● **EXERCISE DIRECTIONS**: Pick each line containing "IFCLOCALPLACEMENT" out of the records.

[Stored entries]
▬▬▬▬▬▬
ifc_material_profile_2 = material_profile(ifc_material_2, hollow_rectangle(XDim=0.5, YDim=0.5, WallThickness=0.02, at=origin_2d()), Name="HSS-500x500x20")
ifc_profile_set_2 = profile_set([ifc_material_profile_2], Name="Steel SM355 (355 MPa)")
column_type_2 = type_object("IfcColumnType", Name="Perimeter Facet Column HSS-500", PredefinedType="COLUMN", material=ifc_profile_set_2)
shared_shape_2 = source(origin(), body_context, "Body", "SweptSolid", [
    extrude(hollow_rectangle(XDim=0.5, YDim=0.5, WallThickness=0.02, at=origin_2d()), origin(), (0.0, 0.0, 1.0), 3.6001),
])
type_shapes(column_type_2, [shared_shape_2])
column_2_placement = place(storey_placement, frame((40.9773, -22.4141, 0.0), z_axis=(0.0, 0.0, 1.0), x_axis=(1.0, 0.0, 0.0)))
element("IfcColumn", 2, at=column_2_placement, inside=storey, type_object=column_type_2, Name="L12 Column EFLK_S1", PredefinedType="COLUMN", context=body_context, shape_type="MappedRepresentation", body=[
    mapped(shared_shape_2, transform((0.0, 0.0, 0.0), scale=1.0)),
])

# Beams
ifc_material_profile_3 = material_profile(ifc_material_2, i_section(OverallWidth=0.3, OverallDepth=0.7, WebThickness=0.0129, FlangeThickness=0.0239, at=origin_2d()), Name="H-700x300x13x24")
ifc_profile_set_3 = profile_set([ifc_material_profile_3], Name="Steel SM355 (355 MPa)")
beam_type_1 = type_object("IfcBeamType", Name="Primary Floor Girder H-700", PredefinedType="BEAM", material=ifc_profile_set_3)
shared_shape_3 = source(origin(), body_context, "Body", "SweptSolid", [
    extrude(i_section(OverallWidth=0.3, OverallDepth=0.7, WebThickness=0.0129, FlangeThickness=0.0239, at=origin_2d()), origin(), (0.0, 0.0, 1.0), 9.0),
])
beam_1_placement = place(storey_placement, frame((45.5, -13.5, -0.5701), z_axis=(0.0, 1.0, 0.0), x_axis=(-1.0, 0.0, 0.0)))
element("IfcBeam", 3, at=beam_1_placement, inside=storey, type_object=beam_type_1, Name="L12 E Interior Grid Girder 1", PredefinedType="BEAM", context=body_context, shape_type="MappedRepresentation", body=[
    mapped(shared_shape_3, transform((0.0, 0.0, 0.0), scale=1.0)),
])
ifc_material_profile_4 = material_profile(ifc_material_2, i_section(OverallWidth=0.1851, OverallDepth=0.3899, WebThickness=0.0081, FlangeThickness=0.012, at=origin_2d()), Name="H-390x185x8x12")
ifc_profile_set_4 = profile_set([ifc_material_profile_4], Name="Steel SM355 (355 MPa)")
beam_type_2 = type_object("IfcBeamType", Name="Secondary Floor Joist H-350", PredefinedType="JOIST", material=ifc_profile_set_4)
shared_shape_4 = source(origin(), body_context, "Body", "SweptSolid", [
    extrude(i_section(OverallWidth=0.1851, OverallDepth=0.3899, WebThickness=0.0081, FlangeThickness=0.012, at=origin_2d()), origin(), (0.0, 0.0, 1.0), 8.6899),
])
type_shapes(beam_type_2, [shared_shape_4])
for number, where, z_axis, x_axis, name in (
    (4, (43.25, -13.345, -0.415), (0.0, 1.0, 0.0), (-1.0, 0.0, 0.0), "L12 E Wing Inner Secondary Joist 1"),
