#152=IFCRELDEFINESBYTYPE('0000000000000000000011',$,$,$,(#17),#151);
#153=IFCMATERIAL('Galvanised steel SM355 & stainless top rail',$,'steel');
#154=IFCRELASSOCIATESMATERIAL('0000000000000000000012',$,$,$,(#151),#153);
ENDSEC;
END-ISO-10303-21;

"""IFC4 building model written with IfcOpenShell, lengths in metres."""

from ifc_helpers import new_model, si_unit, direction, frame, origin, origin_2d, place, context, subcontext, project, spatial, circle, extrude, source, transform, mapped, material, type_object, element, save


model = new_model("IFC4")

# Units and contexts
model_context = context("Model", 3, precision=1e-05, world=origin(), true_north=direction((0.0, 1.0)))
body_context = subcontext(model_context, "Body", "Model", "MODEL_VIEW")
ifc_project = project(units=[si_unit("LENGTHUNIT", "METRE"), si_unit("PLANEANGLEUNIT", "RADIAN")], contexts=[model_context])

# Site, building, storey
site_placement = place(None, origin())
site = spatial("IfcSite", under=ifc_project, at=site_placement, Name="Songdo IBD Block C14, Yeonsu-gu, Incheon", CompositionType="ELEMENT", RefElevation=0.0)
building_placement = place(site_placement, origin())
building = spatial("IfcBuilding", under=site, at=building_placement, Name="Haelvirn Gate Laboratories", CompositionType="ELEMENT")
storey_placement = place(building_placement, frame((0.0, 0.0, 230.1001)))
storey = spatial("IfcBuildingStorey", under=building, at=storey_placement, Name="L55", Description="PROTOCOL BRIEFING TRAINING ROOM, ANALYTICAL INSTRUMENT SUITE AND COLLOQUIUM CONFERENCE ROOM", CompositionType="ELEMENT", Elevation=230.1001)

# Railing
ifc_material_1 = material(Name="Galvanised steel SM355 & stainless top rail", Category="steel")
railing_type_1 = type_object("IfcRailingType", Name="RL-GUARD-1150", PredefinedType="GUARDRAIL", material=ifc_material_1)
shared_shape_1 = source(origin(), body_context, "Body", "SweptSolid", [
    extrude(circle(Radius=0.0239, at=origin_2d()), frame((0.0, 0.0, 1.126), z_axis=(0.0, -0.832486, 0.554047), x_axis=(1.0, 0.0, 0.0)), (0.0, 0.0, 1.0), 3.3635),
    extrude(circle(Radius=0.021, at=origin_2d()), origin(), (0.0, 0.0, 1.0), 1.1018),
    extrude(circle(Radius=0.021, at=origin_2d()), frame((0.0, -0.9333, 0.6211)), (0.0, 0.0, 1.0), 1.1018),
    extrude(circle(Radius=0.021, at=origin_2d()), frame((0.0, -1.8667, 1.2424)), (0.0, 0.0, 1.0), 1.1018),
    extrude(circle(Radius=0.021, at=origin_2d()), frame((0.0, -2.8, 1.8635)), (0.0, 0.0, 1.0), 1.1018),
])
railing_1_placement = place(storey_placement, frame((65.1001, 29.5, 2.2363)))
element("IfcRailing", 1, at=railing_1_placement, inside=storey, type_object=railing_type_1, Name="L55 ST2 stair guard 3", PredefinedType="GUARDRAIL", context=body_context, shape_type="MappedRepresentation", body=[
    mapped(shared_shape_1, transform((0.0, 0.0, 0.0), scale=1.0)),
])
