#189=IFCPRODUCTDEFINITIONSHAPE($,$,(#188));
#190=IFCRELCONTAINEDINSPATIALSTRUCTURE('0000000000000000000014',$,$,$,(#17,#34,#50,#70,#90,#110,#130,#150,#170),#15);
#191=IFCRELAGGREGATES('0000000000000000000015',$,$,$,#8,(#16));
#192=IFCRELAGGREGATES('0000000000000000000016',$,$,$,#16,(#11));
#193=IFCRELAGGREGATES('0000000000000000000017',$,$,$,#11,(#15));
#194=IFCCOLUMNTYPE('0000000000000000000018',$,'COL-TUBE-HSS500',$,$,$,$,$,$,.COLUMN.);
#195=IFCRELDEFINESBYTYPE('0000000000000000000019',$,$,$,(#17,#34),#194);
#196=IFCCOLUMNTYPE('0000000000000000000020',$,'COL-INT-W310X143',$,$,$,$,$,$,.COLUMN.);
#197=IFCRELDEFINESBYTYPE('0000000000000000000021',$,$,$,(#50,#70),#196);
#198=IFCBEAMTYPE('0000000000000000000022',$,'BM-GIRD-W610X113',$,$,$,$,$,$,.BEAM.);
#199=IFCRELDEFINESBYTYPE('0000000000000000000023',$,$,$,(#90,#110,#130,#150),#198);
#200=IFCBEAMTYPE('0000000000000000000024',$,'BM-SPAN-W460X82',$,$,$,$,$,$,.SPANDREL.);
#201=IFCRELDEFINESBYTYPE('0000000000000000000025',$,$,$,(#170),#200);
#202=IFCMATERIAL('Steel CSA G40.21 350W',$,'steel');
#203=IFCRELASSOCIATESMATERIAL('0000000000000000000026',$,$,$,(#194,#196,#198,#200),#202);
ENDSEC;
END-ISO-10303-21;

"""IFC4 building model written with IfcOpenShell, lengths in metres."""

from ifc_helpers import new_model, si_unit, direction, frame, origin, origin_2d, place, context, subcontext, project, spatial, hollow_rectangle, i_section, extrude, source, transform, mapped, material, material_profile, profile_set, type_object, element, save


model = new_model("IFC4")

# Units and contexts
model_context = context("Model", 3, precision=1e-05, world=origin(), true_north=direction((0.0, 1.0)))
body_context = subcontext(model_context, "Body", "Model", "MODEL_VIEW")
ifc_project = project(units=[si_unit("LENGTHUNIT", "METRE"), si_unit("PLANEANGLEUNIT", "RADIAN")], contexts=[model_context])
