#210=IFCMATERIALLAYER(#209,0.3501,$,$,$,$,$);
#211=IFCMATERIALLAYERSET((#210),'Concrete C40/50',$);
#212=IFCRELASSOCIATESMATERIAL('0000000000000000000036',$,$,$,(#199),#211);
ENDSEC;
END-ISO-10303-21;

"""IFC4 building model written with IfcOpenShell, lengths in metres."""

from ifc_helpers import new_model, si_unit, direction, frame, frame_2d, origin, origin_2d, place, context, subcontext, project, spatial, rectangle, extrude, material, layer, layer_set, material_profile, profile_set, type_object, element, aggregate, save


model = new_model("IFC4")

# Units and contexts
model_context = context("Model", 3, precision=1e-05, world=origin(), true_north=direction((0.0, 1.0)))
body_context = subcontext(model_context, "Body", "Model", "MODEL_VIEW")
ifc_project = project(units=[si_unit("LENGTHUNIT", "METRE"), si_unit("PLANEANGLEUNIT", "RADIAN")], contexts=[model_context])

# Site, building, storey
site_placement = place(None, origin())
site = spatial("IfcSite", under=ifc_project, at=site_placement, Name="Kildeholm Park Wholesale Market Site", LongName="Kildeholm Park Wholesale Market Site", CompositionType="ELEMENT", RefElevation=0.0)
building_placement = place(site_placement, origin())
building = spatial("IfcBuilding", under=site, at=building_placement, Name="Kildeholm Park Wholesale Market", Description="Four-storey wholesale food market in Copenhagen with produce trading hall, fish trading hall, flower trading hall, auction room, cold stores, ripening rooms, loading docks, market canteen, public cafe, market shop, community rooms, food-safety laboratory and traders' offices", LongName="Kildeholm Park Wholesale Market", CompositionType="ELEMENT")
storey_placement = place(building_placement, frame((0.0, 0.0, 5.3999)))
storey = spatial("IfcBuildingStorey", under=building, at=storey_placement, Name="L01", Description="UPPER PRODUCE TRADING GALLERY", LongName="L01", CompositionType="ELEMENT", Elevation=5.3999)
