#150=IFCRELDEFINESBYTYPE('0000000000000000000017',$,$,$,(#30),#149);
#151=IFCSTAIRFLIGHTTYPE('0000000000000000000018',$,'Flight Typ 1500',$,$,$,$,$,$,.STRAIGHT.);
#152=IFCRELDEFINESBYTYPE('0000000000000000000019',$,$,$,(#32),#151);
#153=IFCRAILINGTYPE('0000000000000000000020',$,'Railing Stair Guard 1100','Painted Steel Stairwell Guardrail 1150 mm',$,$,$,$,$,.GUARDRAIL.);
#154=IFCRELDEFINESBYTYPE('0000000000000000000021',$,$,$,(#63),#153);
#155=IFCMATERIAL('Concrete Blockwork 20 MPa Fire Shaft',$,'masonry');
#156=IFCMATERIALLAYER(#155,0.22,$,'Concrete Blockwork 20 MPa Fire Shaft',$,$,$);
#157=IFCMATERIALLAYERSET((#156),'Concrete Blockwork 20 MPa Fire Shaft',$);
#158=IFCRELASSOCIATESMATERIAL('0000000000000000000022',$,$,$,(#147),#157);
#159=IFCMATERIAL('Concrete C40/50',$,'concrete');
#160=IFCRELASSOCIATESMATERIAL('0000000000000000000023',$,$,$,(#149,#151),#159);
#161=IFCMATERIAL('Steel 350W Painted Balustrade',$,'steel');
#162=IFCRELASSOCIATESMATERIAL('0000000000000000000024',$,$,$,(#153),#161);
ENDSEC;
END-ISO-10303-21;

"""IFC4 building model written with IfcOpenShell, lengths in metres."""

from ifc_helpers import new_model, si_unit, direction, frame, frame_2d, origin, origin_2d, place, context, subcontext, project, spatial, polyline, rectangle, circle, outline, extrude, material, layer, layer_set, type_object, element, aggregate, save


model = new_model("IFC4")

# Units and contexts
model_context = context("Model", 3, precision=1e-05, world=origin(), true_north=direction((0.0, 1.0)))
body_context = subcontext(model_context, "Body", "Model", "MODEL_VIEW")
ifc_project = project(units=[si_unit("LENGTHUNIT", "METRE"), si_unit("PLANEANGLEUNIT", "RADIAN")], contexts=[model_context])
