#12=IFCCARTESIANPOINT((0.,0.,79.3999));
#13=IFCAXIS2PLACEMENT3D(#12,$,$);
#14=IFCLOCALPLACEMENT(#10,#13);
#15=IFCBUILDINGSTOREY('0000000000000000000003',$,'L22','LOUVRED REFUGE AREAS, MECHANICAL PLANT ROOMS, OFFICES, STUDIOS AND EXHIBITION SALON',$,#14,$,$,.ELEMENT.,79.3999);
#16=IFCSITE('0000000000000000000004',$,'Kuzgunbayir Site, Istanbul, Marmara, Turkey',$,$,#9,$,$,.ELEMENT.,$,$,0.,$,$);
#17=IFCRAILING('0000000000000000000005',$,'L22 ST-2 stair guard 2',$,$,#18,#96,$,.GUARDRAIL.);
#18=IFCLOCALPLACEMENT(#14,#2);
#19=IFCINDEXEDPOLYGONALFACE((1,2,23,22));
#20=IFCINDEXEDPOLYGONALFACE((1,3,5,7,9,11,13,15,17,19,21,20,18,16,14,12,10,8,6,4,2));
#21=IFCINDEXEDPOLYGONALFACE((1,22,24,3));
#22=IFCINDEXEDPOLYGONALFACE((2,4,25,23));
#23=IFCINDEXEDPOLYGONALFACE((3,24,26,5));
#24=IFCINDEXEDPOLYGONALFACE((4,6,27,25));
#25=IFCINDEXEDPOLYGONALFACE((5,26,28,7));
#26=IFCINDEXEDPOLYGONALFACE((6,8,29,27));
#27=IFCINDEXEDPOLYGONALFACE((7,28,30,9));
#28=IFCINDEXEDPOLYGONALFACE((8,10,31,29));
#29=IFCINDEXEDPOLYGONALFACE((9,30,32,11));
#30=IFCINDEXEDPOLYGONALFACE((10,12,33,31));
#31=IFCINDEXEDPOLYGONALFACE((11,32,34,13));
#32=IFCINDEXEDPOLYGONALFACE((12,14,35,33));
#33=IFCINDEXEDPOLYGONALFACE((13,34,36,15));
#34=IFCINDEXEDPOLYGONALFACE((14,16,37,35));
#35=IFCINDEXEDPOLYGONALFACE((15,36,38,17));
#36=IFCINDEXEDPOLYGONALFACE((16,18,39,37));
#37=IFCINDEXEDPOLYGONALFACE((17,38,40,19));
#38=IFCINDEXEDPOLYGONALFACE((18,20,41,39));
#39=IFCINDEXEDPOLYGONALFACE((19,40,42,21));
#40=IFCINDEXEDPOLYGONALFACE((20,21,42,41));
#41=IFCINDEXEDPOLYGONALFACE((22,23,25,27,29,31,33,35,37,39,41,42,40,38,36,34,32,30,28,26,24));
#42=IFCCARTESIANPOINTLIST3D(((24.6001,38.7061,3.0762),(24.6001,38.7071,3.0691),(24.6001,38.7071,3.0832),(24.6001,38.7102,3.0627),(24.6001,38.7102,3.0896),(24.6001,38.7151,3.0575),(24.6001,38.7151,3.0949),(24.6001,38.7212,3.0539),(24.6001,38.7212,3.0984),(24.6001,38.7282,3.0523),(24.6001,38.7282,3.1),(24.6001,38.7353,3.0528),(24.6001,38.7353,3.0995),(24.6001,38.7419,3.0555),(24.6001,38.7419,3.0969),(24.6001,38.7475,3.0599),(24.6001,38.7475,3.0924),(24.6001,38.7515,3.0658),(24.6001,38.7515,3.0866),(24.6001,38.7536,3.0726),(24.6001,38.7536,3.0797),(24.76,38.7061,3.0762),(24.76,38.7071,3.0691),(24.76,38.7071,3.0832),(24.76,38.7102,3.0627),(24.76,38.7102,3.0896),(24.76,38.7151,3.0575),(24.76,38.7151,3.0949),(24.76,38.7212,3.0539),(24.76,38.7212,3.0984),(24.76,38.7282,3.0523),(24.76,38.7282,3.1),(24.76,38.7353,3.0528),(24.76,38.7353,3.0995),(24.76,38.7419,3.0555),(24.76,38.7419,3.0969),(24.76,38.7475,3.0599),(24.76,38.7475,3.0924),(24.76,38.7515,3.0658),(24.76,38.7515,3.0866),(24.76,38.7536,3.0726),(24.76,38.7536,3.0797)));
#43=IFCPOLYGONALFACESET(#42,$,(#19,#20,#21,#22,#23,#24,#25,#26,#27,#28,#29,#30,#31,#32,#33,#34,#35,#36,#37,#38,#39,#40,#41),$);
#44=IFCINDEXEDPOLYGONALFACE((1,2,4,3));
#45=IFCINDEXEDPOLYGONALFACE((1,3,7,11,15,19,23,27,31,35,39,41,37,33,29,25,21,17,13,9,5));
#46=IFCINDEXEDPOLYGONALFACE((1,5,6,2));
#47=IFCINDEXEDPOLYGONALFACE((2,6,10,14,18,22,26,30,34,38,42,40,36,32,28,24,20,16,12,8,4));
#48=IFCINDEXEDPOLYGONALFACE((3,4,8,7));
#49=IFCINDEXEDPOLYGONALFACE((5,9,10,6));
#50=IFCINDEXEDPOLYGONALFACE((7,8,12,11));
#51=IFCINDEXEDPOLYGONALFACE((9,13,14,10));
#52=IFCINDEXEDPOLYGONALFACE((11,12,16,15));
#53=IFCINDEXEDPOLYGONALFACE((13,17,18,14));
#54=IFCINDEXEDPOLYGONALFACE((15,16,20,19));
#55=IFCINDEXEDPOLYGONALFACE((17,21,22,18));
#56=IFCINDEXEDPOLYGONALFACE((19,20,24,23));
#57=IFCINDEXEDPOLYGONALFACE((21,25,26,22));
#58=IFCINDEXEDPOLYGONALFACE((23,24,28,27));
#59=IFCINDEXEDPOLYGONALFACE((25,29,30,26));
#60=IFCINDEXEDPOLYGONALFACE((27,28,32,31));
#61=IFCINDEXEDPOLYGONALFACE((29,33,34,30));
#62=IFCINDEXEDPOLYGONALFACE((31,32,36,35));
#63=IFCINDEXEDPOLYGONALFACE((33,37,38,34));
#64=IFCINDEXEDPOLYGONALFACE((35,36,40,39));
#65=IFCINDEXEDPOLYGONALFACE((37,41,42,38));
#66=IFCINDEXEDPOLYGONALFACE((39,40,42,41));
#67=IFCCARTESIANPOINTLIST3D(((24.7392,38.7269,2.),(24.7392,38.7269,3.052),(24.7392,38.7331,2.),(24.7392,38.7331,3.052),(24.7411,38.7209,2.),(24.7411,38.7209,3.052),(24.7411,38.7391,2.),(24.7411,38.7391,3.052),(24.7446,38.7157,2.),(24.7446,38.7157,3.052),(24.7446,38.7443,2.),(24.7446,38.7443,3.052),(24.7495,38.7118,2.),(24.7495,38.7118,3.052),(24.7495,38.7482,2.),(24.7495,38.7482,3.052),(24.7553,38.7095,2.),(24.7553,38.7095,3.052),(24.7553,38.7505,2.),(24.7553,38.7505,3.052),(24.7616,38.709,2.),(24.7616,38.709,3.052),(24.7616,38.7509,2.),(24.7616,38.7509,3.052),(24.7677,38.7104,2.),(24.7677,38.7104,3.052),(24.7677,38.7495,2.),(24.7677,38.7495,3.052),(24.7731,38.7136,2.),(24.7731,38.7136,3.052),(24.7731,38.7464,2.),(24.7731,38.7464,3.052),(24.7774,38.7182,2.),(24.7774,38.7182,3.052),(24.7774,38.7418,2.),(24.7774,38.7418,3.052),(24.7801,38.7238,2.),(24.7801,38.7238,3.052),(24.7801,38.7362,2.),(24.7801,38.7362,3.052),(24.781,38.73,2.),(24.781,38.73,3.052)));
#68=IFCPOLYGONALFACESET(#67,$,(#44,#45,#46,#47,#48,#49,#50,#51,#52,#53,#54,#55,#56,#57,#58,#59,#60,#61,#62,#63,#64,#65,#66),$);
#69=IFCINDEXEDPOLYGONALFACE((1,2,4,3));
▬▬▬▬▬▬
● **OUTPUT OF THE TASK**:
#14=IFCLOCALPLACEMENT(#10,#13);
#18=IFCLOCALPLACEMENT(#14,#2);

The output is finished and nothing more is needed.